Working data:
=== Section Start ===

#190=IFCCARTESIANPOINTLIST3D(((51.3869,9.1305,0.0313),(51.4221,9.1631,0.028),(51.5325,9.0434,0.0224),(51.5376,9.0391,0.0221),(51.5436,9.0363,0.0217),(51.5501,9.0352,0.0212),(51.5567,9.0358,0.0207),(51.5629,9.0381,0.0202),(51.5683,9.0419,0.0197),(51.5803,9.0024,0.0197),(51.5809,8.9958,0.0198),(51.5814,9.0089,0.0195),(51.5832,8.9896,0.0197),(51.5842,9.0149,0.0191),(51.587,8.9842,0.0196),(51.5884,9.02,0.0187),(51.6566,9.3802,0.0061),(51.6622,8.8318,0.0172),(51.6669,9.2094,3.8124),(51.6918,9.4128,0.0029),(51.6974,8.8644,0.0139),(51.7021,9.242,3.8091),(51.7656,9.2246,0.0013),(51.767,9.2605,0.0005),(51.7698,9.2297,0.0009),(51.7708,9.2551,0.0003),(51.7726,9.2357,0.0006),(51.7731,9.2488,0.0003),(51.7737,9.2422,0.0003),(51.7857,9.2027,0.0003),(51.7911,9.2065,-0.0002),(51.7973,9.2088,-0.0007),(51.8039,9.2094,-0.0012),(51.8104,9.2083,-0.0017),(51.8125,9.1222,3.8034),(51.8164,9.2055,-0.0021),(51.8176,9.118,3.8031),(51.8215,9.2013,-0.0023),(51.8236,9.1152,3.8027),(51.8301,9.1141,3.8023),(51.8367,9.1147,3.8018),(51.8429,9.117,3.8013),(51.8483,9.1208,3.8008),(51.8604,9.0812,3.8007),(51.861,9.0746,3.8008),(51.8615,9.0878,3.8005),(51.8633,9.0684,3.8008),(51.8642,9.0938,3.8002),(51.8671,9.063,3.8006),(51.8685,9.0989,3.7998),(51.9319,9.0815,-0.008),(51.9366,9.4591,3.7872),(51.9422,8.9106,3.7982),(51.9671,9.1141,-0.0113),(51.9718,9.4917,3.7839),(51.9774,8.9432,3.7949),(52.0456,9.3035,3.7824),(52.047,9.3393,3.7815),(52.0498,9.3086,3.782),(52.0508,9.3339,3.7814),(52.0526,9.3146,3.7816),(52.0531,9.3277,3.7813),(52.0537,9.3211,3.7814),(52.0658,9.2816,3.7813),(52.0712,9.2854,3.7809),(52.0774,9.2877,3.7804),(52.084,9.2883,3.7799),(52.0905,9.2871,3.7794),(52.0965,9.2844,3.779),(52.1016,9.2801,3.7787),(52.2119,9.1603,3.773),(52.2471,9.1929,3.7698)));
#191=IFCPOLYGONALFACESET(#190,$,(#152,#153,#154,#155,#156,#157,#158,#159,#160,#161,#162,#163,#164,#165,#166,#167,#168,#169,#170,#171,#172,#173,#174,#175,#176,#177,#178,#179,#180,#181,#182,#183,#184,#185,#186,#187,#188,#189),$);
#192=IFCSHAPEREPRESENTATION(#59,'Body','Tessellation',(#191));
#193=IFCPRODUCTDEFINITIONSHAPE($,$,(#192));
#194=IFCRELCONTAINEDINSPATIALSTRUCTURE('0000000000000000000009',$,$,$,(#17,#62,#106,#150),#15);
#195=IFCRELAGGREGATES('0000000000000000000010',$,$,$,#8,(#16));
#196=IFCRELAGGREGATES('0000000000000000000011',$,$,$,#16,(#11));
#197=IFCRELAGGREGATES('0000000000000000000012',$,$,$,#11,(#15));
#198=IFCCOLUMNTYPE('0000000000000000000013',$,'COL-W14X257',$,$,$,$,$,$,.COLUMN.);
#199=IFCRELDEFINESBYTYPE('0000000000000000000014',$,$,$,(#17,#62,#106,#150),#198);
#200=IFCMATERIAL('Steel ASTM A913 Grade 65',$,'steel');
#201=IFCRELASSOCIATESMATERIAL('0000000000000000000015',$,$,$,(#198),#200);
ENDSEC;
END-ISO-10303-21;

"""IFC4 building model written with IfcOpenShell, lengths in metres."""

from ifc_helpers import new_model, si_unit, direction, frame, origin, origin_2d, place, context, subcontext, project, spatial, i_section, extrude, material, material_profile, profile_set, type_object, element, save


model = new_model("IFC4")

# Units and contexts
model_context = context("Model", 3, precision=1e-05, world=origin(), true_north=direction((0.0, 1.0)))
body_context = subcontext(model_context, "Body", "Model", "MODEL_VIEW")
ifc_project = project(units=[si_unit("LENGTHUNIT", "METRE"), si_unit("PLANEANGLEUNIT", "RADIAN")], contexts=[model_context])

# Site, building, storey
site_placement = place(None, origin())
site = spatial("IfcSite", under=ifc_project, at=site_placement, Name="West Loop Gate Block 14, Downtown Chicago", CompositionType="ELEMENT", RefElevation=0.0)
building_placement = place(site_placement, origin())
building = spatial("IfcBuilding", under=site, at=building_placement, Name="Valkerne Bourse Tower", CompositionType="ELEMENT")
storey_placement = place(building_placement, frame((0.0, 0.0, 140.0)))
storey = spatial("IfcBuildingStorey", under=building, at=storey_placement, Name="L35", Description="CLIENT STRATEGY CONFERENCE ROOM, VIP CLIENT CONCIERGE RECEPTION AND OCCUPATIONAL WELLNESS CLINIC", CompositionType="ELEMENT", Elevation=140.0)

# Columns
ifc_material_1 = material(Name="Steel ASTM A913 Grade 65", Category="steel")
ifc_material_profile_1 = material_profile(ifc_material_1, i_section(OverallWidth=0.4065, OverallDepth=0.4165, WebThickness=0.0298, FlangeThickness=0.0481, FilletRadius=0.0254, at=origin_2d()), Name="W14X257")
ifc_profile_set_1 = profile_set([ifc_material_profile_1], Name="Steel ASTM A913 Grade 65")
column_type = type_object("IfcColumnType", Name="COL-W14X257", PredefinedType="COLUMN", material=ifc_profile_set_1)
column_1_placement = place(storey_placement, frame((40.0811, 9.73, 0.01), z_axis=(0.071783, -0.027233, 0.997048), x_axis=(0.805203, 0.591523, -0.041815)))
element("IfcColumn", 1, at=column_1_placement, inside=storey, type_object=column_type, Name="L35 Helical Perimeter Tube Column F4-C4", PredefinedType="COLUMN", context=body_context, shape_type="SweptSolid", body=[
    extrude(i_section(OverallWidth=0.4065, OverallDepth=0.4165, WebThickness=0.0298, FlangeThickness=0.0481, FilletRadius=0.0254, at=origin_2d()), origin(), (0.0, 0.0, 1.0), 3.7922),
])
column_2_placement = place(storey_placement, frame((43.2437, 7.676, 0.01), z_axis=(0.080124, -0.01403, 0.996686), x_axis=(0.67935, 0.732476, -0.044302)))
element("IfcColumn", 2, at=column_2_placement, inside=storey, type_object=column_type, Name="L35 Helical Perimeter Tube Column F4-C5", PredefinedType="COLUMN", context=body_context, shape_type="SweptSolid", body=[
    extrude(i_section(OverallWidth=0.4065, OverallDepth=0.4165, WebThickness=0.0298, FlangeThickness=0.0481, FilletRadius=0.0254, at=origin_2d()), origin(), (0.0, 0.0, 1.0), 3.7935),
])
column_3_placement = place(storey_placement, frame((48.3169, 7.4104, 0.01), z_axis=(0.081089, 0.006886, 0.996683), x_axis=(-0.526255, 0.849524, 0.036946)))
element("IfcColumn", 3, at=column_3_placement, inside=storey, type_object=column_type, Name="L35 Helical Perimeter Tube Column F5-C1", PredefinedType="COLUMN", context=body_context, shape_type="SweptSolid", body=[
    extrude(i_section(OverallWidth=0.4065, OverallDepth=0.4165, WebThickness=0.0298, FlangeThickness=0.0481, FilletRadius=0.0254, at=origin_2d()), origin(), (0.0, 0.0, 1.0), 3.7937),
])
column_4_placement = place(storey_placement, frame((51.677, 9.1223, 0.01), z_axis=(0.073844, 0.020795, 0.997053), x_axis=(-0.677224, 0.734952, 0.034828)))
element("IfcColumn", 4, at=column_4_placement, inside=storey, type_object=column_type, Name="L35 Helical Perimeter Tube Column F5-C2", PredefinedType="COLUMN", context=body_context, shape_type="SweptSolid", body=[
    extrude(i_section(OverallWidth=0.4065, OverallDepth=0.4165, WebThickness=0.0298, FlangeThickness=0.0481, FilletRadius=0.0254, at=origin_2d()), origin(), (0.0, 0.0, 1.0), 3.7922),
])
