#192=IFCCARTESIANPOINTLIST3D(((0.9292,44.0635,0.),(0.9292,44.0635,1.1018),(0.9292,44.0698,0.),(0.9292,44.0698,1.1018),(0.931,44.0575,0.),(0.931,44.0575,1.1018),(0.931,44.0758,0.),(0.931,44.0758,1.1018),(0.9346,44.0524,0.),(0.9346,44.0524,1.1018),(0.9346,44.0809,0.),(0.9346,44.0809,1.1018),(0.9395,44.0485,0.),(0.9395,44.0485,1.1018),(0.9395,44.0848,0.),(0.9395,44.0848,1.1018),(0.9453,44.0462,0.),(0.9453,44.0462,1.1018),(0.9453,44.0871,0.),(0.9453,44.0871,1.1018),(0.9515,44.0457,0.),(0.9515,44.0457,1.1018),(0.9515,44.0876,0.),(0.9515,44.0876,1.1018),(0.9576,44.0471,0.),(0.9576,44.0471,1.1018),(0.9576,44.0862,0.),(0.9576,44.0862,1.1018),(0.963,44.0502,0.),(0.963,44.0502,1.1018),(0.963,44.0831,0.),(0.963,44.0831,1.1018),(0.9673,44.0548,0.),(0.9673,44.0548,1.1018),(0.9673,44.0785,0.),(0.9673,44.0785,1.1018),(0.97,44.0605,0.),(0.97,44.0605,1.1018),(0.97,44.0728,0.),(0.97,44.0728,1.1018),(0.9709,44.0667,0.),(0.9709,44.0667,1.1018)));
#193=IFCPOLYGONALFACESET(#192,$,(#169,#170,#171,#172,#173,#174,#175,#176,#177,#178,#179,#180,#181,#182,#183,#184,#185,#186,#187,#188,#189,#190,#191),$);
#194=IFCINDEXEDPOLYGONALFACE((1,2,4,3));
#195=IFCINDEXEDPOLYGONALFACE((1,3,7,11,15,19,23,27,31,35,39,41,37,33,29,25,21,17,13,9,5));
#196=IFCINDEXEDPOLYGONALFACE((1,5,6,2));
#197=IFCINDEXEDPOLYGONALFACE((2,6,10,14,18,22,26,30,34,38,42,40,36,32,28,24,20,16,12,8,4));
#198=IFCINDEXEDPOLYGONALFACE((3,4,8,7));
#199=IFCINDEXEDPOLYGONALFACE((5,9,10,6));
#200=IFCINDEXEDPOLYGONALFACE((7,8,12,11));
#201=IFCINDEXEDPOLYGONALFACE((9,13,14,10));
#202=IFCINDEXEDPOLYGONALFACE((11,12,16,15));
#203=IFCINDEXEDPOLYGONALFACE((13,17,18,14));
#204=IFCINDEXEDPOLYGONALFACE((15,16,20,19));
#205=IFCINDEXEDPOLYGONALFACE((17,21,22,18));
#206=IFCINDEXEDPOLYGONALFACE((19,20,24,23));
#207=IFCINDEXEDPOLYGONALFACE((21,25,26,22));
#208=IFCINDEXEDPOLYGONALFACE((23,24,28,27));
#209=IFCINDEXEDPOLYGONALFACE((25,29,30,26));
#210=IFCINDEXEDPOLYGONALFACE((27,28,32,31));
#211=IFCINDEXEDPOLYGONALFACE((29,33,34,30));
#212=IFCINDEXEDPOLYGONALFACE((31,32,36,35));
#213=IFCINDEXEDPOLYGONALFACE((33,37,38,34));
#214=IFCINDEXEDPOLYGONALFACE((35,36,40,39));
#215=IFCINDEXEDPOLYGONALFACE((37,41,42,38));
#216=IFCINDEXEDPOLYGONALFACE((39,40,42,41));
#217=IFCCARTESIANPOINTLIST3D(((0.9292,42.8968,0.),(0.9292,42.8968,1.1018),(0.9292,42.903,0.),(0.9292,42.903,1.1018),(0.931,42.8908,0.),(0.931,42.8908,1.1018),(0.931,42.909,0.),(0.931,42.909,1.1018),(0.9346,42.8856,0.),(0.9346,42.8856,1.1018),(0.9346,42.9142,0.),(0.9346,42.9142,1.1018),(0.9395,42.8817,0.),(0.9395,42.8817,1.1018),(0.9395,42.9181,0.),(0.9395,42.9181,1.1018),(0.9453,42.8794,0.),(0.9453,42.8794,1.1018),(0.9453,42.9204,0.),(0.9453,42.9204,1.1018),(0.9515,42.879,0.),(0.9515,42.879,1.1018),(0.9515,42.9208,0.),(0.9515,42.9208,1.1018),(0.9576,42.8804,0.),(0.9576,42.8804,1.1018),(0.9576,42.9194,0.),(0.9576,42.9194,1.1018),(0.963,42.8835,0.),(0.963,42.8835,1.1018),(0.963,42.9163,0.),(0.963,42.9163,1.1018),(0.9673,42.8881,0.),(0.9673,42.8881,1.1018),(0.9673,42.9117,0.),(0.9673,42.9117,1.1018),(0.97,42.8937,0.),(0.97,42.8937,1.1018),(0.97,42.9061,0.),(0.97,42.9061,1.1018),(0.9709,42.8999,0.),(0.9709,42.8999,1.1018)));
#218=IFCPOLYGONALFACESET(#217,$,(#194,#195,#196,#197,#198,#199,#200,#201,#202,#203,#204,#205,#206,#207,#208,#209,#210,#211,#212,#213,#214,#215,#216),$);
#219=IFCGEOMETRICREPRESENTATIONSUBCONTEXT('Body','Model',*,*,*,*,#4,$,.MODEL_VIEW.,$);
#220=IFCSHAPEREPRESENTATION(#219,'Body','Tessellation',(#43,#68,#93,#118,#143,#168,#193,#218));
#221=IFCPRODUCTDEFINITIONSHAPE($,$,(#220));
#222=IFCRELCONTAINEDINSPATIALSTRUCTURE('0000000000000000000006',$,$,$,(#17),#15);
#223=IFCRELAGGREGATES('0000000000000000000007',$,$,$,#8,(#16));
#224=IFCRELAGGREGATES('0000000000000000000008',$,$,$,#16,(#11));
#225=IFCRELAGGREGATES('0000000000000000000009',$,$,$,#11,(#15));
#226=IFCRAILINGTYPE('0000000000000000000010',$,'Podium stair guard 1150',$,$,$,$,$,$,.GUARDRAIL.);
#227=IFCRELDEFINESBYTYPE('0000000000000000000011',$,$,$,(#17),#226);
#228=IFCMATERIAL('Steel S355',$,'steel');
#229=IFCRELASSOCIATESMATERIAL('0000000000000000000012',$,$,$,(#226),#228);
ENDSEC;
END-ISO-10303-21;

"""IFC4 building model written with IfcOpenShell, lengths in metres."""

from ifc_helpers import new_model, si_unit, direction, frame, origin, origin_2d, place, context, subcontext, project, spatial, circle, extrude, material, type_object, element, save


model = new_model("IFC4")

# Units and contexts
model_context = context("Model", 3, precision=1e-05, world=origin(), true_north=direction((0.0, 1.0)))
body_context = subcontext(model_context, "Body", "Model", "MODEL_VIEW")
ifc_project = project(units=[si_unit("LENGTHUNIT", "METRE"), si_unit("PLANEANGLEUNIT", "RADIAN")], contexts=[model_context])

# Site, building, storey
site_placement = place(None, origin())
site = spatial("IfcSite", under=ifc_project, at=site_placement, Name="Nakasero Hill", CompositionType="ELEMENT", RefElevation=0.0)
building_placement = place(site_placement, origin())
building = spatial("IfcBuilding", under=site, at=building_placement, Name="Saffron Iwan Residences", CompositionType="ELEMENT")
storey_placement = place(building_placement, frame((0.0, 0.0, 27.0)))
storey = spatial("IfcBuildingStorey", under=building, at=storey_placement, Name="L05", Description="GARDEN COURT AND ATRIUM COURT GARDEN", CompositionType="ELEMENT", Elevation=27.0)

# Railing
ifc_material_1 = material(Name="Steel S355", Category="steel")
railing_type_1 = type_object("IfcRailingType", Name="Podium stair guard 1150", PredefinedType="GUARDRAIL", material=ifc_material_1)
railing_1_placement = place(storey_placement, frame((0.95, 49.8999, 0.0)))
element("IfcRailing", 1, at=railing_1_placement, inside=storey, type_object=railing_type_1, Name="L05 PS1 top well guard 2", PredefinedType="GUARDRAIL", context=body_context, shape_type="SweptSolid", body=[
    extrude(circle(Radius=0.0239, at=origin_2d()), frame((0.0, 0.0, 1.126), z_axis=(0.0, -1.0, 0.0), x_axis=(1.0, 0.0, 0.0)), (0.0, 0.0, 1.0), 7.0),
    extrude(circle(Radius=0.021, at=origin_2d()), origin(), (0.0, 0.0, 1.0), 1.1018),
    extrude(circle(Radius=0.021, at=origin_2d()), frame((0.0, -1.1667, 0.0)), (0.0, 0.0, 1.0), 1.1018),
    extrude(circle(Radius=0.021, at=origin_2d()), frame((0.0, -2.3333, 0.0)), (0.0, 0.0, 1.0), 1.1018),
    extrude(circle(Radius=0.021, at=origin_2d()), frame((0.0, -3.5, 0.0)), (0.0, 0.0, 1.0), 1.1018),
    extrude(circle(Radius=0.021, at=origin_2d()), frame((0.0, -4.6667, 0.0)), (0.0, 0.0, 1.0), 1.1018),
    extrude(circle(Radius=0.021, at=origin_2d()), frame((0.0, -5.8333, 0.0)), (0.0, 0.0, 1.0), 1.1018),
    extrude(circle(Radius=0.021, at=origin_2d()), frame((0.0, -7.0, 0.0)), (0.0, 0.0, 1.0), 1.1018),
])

=== Section End ===

Problem to solve:
Extract from the listing above the lines between the line containing "#198=IFCINDEXEDPOLYGONALFACE((3,4,8,7));" and the line containing "#216=IFCINDEXEDPOLYGONALFACE((39,40,42,41));", keeping both of those lines. Output nothing else.

Answer to the exercise:
#198=IFCINDEXEDPOLYGONALFACE((3,4,8,7));
#199=IFCINDEXEDPOLYGONALFACE((5,9,10,6));
#200=IFCINDEXEDPOLYGONALFACE((7,8,12,11));
#201=IFCINDEXEDPOLYGONALFACE((9,13,14,10));
#202=IFCINDEXEDPOLYGONALFACE((11,12,16,15));
#203=IFCINDEXEDPOLYGONALFACE((13,17,18,14));
#204=IFCINDEXEDPOLYGONALFACE((15,16,20,19));
#205=IFCINDEXEDPOLYGONALFACE((17,21,22,18));
#206=IFCINDEXEDPOLYGONALFACE((19,20,24,23));
#207=IFCINDEXEDPOLYGONALFACE((21,25,26,22));
#208=IFCINDEXEDPOLYGONALFACE((23,24,28,27));
#209=IFCINDEXEDPOLYGONALFACE((25,29,30,26));
#210=IFCINDEXEDPOLYGONALFACE((27,28,32,31));
#211=IFCINDEXEDPOLYGONALFACE((29,33,34,30));
#212=IFCINDEXEDPOLYGONALFACE((31,32,36,35));
#213=IFCINDEXEDPOLYGONALFACE((33,37,38,34));
#214=IFCINDEXEDPOLYGONALFACE((35,36,40,39));
#215=IFCINDEXEDPOLYGONALFACE((37,41,42,38));
#216=IFCINDEXEDPOLYGONALFACE((39,40,42,41));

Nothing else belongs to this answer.